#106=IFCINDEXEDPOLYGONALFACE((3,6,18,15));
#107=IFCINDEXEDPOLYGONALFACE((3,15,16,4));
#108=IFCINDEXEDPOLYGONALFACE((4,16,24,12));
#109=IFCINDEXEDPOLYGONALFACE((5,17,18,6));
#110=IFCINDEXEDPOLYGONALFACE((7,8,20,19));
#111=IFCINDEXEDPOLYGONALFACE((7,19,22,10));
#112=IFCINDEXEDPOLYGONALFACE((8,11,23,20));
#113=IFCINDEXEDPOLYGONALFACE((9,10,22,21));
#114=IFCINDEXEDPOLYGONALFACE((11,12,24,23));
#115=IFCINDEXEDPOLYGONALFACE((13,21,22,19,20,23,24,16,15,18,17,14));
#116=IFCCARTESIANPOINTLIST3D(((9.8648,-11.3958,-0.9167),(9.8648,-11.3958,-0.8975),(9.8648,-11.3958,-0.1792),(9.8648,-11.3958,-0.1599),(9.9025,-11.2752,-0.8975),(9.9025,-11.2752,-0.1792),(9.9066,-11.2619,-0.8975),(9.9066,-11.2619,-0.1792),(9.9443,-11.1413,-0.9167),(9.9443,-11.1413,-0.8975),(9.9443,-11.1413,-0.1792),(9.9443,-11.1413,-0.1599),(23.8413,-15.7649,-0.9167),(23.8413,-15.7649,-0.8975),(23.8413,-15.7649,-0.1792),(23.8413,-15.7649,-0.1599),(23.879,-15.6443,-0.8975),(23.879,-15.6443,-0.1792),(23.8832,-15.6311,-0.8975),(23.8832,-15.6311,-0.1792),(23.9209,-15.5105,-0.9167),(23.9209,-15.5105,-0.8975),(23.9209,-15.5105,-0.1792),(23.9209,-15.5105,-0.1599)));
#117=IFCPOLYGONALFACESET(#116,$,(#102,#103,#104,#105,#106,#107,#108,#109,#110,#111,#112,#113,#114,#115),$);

- _Exercise goal_
Each record above has to be printed again, word for word.

- _Your solution_
#106=IFCINDEXEDPOLYGONALFACE((3,6,18,15));
#107=IFCINDEXEDPOLYGONALFACE((3,15,16,4));
#108=IFCINDEXEDPOLYGONALFACE((4,16,24,12));
#109=IFCINDEXEDPOLYGONALFACE((5,17,18,6));
#110=IFCINDEXEDPOLYGONALFACE((7,8,20,19));
#111=IFCINDEXEDPOLYGONALFACE((7,19,22,10));
#112=IFCINDEXEDPOLYGONALFACE((8,11,23,20));
#113=IFCINDEXEDPOLYGONALFACE((9,10,22,21));
#114=IFCINDEXEDPOLYGONALFACE((11,12,24,23));
#115=IFCINDEXEDPOLYGONALFACE((13,21,22,19,20,23,24,16,15,18,17,14));
#116=IFCCARTESIANPOINTLIST3D(((9.8648,-11.3958,-0.9167),(9.8648,-11.3958,-0.8975),(9.8648,-11.3958,-0.1792),(9.8648,-11.3958,-0.1599),(9.9025,-11.2752,-0.8975),(9.9025,-11.2752,-0.1792),(9.9066,-11.2619,-0.8975),(9.9066,-11.2619,-0.1792),(9.9443,-11.1413,-0.9167),(9.9443,-11.1413,-0.8975),(9.9443,-11.1413,-0.1792),(9.9443,-11.1413,-0.1599),(23.8413,-15.7649,-0.9167),(23.8413,-15.7649,-0.8975),(23.8413,-15.7649,-0.1792),(23.8413,-15.7649,-0.1599),(23.879,-15.6443,-0.8975),(23.879,-15.6443,-0.1792),(23.8832,-15.6311,-0.8975),(23.8832,-15.6311,-0.1792),(23.9209,-15.5105,-0.9167),(23.9209,-15.5105,-0.8975),(23.9209,-15.5105,-0.1792),(23.9209,-15.5105,-0.1599)));
#117=IFCPOLYGONALFACESET(#116,$,(#102,#103,#104,#105,#106,#107,#108,#109,#110,#111,#112,#113,#114,#115),$);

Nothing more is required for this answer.